#### ASSIGNMENT
Write out the data that follows. Keep every character unchanged.

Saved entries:
━━━━━━━━━━━━━━━━

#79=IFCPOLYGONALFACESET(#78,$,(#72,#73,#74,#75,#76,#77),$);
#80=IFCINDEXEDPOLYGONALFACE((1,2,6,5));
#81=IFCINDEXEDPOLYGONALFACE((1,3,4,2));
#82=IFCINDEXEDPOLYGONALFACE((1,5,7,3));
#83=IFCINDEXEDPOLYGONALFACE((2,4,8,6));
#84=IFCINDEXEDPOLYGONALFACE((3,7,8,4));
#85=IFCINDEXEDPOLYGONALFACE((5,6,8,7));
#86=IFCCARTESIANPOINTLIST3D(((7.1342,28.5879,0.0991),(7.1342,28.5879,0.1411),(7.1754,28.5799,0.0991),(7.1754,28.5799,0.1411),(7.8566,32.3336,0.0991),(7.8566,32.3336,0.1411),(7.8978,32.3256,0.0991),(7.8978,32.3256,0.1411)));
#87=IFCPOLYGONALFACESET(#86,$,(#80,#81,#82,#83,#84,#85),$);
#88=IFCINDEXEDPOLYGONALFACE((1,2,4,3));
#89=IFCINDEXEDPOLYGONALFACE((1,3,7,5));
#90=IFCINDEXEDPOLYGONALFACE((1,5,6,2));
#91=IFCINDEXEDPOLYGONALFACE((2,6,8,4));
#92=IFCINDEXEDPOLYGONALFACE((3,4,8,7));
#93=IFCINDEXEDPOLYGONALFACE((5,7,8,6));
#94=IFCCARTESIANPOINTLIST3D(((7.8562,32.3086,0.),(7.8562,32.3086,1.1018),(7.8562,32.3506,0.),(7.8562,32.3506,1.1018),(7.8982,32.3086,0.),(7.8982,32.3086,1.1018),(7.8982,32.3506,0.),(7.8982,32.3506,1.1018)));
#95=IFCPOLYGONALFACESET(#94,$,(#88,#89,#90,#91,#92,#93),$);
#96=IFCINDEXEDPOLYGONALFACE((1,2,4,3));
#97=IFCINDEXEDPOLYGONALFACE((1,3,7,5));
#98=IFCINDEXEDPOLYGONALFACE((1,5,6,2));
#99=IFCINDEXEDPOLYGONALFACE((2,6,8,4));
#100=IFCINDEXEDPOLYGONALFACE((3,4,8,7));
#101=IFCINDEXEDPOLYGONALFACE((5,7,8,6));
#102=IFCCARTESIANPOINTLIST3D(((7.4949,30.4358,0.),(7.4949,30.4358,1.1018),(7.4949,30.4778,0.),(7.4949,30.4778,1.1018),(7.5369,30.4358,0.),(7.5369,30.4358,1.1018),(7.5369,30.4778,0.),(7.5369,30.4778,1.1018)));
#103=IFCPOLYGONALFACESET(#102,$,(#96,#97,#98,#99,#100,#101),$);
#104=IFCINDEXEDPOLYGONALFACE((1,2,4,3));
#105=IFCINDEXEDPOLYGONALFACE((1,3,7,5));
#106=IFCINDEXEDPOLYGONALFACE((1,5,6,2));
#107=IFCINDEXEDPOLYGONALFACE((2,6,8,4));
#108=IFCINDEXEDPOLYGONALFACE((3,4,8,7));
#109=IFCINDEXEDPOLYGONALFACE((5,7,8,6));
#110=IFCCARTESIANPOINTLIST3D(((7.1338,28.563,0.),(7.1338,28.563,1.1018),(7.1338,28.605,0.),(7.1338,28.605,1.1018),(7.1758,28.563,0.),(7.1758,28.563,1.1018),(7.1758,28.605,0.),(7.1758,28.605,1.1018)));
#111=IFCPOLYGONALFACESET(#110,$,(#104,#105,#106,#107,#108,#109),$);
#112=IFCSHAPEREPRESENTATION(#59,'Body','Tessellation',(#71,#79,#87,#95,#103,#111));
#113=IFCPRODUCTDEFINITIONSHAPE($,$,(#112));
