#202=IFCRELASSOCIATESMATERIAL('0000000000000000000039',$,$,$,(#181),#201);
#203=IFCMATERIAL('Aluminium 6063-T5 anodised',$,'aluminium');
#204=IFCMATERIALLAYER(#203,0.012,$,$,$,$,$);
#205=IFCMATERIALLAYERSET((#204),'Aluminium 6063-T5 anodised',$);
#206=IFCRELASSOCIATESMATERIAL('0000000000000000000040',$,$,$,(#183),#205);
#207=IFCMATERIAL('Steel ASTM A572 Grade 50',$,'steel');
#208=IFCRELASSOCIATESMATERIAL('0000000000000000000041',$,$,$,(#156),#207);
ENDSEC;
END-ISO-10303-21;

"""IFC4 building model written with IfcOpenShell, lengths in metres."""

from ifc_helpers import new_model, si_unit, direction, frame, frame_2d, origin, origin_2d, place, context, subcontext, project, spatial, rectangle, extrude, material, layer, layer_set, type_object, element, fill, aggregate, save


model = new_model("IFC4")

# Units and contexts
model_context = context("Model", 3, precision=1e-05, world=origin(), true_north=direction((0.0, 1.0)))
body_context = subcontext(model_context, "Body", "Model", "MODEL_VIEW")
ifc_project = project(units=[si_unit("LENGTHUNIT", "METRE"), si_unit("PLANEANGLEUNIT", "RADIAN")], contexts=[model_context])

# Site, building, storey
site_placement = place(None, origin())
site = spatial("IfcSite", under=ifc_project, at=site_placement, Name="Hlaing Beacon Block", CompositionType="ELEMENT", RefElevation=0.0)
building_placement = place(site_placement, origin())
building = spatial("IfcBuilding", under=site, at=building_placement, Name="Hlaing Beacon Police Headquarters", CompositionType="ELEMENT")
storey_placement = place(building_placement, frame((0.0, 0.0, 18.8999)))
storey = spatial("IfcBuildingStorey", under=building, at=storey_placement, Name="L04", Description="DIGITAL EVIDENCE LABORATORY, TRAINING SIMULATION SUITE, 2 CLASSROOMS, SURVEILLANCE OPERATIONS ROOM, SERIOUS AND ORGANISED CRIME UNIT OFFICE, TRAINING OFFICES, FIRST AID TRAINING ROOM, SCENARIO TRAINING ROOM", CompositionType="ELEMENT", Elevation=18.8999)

━━━━━━━━━━━━━━━━

#### RESPONSE AREA
#79=IFCPOLYGONALFACESET(#78,$,(#72,#73,#74,#75,#76,#77),$);
#80=IFCINDEXEDPOLYGONALFACE((1,2,6,5));
#81=IFCINDEXEDPOLYGONALFACE((1,3,4,2));
#82=IFCINDEXEDPOLYGONALFACE((1,5,7,3));
#83=IFCINDEXEDPOLYGONALFACE((2,4,8,6));
#84=IFCINDEXEDPOLYGONALFACE((3,7,8,4));
#85=IFCINDEXEDPOLYGONALFACE((5,6,8,7));
#86=IFCCARTESIANPOINTLIST3D(((7.1342,28.5879,0.0991),(7.1342,28.5879,0.1411),(7.1754,28.5799,0.0991),(7.1754,28.5799,0.1411),(7.8566,32.3336,0.0991),(7.8566,32.3336,0.1411),(7.8978,32.3256,0.0991),(7.8978,32.3256,0.1411)));
#87=IFCPOLYGONALFACESET(#86,$,(#80,#81,#82,#83,#84,#85),$);
#88=IFCINDEXEDPOLYGONALFACE((1,2,4,3));
#89=IFCINDEXEDPOLYGONALFACE((1,3,7,5));
#90=IFCINDEXEDPOLYGONALFACE((1,5,6,2));
#91=IFCINDEXEDPOLYGONALFACE((2,6,8,4));
#92=IFCINDEXEDPOLYGONALFACE((3,4,8,7));
#93=IFCINDEXEDPOLYGONALFACE((5,7,8,6));
#94=IFCCARTESIANPOINTLIST3D(((7.8562,32.3086,0.),(7.8562,32.3086,1.1018),(7.8562,32.3506,0.),(7.8562,32.3506,1.1018),(7.8982,32.3086,0.),(7.8982,32.3086,1.1018),(7.8982,32.3506,0.),(7.8982,32.3506,1.1018)));
#95=IFCPOLYGONALFACESET(#94,$,(#88,#89,#90,#91,#92,#93),$);
#96=IFCINDEXEDPOLYGONALFACE((1,2,4,3));
#97=IFCINDEXEDPOLYGONALFACE((1,3,7,5));
#98=IFCINDEXEDPOLYGONALFACE((1,5,6,2));
#99=IFCINDEXEDPOLYGONALFACE((2,6,8,4));
#100=IFCINDEXEDPOLYGONALFACE((3,4,8,7));
#101=IFCINDEXEDPOLYGONALFACE((5,7,8,6));
#102=IFCCARTESIANPOINTLIST3D(((7.4949,30.4358,0.),(7.4949,30.4358,1.1018),(7.4949,30.4778,0.),(7.4949,30.4778,1.1018),(7.5369,30.4358,0.),(7.5369,30.4358,1.1018),(7.5369,30.4778,0.),(7.5369,30.4778,1.1018)));
#103=IFCPOLYGONALFACESET(#102,$,(#96,#97,#98,#99,#100,#101),$);
#104=IFCINDEXEDPOLYGONALFACE((1,2,4,3));
#105=IFCINDEXEDPOLYGONALFACE((1,3,7,5));
#106=IFCINDEXEDPOLYGONALFACE((1,5,6,2));
#107=IFCINDEXEDPOLYGONALFACE((2,6,8,4));
#108=IFCINDEXEDPOLYGONALFACE((3,4,8,7));
#109=IFCINDEXEDPOLYGONALFACE((5,7,8,6));
#110=IFCCARTESIANPOINTLIST3D(((7.1338,28.563,0.),(7.1338,28.563,1.1018),(7.1338,28.605,0.),(7.1338,28.605,1.1018),(7.1758,28.563,0.),(7.1758,28.563,1.1018),(7.1758,28.605,0.),(7.1758,28.605,1.1018)));
#111=IFCPOLYGONALFACESET(#110,$,(#104,#105,#106,#107,#108,#109),$);
#112=IFCSHAPEREPRESENTATION(#59,'Body','Tessellation',(#71,#79,#87,#95,#103,#111));
#113=IFCPRODUCTDEFINITIONSHAPE($,$,(#112));
#202=IFCRELASSOCIATESMATERIAL('0000000000000000000039',$,$,$,(#181),#201);
#203=IFCMATERIAL('Aluminium 6063-T5 anodised',$,'aluminium');
#204=IFCMATERIALLAYER(#203,0.012,$,$,$,$,$);
#205=IFCMATERIALLAYERSET((#204),'Aluminium 6063-T5 anodised',$);
#206=IFCRELASSOCIATESMATERIAL('0000000000000000000040',$,$,$,(#183),#205);
#207=IFCMATERIAL('Steel ASTM A572 Grade 50',$,'steel');
#208=IFCRELASSOCIATESMATERIAL('0000000000000000000041',$,$,$,(#156),#207);
ENDSEC;
END-ISO-10303-21;

"""IFC4 building model written with IfcOpenShell, lengths in metres."""

from ifc_helpers import new_model, si_unit, direction, frame, frame_2d, origin, origin_2d, place, context, subcontext, project, spatial, rectangle, extrude, material, layer, layer_set, type_object, element, fill, aggregate, save


model = new_model("IFC4")

# Units and contexts
model_context = context("Model", 3, precision=1e-05, world=origin(), true_north=direction((0.0, 1.0)))
body_context = subcontext(model_context, "Body", "Model", "MODEL_VIEW")
ifc_project = project(units=[si_unit("LENGTHUNIT", "METRE"), si_unit("PLANEANGLEUNIT", "RADIAN")], contexts=[model_context])

# Site, building, storey
site_placement = place(None, origin())
site = spatial("IfcSite", under=ifc_project, at=site_placement, Name="Hlaing Beacon Block", CompositionType="ELEMENT", RefElevation=0.0)
building_placement = place(site_placement, origin())
building = spatial("IfcBuilding", under=site, at=building_placement, Name="Hlaing Beacon Police Headquarters", CompositionType="ELEMENT")
storey_placement = place(building_placement, frame((0.0, 0.0, 18.8999)))
storey = spatial("IfcBuildingStorey", under=building, at=storey_placement, Name="L04", Description="DIGITAL EVIDENCE LABORATORY, TRAINING SIMULATION SUITE, 2 CLASSROOMS, SURVEILLANCE OPERATIONS ROOM, SERIOUS AND ORGANISED CRIME UNIT OFFICE, TRAINING OFFICES, FIRST AID TRAINING ROOM, SCENARIO TRAINING ROOM", CompositionType="ELEMENT", Elevation=18.8999)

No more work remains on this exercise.